Saved data entries
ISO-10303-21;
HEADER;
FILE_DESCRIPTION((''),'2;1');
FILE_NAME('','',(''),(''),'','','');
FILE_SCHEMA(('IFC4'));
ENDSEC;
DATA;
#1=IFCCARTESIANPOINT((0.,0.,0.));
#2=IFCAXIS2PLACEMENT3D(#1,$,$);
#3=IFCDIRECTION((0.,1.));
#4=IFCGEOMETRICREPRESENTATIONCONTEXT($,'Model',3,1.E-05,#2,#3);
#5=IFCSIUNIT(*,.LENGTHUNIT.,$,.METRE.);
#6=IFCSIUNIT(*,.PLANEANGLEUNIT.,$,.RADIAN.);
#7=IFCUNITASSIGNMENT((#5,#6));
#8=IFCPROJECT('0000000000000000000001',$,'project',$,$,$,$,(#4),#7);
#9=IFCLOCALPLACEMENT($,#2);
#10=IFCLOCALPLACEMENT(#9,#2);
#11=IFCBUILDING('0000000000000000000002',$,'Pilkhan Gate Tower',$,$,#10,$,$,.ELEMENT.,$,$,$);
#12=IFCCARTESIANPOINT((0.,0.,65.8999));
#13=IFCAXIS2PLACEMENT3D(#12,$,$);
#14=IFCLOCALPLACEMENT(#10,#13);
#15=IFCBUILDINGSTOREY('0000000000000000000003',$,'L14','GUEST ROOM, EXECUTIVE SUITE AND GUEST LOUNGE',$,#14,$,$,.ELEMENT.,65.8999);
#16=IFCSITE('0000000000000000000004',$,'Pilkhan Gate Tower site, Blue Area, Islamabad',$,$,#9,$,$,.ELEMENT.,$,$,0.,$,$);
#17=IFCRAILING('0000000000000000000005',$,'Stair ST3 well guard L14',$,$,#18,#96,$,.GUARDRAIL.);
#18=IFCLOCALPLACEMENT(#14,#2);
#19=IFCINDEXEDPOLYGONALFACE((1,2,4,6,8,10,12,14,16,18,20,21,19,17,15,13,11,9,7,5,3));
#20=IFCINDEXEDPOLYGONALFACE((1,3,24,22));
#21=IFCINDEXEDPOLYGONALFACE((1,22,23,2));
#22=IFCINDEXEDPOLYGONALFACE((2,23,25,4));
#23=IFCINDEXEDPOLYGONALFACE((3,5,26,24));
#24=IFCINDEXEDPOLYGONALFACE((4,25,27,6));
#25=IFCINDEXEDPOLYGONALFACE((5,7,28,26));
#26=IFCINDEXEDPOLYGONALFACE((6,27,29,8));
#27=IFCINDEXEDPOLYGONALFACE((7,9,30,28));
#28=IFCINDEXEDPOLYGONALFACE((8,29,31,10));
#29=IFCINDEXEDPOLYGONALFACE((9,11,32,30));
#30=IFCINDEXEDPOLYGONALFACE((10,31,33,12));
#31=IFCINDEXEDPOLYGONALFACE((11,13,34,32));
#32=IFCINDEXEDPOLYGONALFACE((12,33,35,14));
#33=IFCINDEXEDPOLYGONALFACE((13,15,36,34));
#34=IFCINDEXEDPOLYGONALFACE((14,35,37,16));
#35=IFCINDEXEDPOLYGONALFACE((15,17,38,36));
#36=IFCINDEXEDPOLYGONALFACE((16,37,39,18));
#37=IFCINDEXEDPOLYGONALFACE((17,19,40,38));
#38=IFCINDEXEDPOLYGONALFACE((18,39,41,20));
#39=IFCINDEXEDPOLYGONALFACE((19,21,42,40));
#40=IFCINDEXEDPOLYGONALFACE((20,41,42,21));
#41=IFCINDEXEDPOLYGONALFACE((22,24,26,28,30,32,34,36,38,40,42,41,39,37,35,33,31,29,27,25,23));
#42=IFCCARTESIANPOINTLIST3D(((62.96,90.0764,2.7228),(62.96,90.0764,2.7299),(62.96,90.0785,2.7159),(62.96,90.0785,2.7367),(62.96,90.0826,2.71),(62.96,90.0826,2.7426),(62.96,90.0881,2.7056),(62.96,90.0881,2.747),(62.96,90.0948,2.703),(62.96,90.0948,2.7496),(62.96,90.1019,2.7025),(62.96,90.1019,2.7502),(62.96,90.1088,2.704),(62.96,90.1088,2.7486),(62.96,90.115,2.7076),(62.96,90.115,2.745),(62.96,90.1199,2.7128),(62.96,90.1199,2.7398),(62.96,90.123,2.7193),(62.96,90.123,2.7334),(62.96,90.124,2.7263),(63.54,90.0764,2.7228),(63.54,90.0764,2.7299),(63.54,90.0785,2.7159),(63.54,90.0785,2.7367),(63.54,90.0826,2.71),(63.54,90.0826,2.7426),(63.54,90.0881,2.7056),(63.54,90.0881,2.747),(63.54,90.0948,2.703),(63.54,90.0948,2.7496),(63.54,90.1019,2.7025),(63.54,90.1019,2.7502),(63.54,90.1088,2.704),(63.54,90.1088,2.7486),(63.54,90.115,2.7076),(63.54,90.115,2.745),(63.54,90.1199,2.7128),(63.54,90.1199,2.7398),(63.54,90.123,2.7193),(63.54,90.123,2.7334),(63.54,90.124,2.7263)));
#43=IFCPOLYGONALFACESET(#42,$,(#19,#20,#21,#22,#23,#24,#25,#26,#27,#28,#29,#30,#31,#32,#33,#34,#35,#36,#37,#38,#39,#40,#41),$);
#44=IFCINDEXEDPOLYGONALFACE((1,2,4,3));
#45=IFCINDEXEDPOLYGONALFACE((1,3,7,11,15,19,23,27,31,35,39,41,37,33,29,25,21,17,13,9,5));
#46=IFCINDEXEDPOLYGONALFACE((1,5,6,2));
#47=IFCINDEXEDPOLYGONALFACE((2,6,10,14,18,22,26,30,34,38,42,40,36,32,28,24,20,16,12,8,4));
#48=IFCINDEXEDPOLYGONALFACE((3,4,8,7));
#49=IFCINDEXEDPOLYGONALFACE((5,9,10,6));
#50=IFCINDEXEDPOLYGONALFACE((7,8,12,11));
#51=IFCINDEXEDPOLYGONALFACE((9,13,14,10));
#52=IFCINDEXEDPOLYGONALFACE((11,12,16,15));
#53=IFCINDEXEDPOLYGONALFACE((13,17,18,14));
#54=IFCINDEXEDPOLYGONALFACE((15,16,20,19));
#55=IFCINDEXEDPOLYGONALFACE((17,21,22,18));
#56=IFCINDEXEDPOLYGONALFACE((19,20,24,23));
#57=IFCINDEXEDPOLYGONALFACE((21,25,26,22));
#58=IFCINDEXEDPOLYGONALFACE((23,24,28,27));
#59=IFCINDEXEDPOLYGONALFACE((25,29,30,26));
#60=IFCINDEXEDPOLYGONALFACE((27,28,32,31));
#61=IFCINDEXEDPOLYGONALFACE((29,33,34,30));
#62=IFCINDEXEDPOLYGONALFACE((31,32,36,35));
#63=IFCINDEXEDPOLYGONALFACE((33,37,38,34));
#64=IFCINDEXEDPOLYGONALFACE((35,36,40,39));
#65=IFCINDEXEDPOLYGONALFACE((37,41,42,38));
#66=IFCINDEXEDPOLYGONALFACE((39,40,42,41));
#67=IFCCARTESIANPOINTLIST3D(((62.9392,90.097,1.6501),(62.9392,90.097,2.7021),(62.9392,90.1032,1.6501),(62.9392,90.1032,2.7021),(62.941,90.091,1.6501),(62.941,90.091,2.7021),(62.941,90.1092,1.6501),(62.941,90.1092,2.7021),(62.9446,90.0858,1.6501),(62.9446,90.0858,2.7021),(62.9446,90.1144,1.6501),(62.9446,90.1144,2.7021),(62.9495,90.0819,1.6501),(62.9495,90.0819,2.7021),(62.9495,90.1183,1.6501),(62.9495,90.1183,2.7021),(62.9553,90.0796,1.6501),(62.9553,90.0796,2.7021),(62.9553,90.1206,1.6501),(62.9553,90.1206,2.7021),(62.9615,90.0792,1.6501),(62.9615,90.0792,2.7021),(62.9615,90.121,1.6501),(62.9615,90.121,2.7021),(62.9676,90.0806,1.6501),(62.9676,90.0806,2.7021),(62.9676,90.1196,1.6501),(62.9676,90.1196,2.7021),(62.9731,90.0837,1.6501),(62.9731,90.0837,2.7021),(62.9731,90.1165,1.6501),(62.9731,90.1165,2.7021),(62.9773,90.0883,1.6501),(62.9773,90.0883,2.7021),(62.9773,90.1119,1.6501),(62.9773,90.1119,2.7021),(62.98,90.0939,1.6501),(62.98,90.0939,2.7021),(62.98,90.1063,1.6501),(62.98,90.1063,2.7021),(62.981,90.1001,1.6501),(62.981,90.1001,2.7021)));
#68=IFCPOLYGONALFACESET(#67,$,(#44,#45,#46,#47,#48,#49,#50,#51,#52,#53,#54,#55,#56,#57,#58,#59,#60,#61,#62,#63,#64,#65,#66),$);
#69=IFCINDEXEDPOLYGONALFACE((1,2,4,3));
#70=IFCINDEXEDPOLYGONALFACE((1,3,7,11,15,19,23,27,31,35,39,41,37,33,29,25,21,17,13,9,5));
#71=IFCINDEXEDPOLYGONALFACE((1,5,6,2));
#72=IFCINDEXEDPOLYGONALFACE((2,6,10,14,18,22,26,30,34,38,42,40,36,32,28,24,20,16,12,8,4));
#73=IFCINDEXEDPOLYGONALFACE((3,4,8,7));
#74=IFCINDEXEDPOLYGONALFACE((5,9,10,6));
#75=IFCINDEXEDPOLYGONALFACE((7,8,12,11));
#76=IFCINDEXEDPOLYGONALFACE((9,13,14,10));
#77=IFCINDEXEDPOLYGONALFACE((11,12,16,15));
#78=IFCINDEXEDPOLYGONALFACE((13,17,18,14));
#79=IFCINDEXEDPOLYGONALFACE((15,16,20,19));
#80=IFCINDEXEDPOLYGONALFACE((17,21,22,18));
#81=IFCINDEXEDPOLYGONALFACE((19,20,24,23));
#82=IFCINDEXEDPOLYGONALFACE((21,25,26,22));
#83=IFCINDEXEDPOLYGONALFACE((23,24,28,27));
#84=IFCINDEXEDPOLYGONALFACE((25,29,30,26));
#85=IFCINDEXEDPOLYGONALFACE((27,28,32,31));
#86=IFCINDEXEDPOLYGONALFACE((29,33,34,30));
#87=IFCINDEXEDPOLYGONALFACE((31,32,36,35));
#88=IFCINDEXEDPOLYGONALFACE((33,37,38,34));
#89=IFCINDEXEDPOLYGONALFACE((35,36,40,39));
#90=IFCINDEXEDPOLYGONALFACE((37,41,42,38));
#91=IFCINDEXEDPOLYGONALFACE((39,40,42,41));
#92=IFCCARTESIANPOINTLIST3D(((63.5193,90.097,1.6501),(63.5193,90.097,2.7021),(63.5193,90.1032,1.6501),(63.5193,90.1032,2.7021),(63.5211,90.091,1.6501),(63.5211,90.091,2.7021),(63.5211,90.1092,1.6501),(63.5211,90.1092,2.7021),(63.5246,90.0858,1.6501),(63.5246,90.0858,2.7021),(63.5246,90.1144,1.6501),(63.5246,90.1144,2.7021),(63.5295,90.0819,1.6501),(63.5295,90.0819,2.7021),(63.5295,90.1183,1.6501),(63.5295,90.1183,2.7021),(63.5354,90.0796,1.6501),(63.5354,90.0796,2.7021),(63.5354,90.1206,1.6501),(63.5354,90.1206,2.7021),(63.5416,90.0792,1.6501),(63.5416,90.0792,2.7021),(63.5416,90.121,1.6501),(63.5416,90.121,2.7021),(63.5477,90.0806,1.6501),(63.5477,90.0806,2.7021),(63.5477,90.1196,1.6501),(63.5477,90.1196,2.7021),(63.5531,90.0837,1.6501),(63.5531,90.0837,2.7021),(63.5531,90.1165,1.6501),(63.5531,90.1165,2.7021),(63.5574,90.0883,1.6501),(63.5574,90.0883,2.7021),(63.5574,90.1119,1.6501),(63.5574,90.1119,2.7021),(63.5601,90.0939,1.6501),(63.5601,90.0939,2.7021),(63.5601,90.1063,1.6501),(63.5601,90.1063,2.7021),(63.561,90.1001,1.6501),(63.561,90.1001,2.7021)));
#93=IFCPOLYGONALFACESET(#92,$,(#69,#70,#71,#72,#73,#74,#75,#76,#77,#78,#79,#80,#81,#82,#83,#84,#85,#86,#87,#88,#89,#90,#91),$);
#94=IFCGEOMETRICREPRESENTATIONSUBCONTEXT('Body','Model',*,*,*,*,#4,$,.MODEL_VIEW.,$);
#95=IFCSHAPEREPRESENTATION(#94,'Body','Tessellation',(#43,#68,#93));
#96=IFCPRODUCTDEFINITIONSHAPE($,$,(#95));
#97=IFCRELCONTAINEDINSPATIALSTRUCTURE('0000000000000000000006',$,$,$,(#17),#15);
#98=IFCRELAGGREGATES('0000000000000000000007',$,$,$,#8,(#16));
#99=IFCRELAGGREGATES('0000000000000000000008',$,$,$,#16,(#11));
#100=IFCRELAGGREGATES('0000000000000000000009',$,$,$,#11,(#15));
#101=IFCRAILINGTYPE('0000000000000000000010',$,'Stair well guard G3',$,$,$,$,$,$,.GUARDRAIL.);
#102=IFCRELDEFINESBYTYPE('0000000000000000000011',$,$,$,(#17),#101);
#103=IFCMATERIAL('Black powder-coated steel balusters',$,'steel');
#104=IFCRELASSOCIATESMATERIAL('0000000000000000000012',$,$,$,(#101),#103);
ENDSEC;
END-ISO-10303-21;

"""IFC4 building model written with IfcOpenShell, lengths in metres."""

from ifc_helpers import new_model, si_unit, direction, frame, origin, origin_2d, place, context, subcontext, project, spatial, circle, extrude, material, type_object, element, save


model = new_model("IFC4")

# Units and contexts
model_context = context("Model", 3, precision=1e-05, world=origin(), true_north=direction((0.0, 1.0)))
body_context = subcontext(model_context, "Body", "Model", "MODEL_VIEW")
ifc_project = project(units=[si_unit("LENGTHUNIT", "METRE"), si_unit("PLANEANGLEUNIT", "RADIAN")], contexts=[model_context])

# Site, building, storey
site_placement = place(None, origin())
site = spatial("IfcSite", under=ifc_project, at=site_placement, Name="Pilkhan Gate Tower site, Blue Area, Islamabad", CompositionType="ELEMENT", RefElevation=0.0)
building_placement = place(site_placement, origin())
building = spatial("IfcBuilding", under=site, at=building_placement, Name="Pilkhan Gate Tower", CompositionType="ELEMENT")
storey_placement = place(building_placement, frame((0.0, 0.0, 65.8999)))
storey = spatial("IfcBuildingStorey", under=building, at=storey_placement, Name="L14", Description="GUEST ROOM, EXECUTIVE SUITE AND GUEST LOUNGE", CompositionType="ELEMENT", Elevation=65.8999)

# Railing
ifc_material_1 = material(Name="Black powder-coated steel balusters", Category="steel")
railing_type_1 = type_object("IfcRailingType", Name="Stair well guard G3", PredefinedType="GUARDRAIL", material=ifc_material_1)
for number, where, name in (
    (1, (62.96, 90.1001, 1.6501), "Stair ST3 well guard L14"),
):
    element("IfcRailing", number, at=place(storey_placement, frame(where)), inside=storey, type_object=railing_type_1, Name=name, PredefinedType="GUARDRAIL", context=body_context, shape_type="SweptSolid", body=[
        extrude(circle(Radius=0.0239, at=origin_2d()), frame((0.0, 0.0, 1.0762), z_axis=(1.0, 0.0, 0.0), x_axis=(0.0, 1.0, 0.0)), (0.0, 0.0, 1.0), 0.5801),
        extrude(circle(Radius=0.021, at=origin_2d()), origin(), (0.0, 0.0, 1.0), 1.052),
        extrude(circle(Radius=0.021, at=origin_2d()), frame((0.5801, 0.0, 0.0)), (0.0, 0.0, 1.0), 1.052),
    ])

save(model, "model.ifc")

→ **Your objective**: Your task is to restate, word for word, only those lines above that fall between the line holding "#51=IFCINDEXEDPOLYGONALFACE((9,13,14,10));" and the line holding "#66=IFCINDEXEDPOLYGONALFACE((39,40,42,41));", inclusive.

→ **Answer box**:
#51=IFCINDEXEDPOLYGONALFACE((9,13,14,10));
#52=IFCINDEXEDPOLYGONALFACE((11,12,16,15));
#53=IFCINDEXEDPOLYGONALFACE((13,17,18,14));
#54=IFCINDEXEDPOLYGONALFACE((15,16,20,19));
#55=IFCINDEXEDPOLYGONALFACE((17,21,22,18));
#56=IFCINDEXEDPOLYGONALFACE((19,20,24,23));
#57=IFCINDEXEDPOLYGONALFACE((21,25,26,22));
#58=IFCINDEXEDPOLYGONALFACE((23,24,28,27));
#59=IFCINDEXEDPOLYGONALFACE((25,29,30,26));
#60=IFCINDEXEDPOLYGONALFACE((27,28,32,31));
#61=IFCINDEXEDPOLYGONALFACE((29,33,34,30));
#62=IFCINDEXEDPOLYGONALFACE((31,32,36,35));
#63=IFCINDEXEDPOLYGONALFACE((33,37,38,34));
#64=IFCINDEXEDPOLYGONALFACE((35,36,40,39));
#65=IFCINDEXEDPOLYGONALFACE((37,41,42,38));
#66=IFCINDEXEDPOLYGONALFACE((39,40,42,41));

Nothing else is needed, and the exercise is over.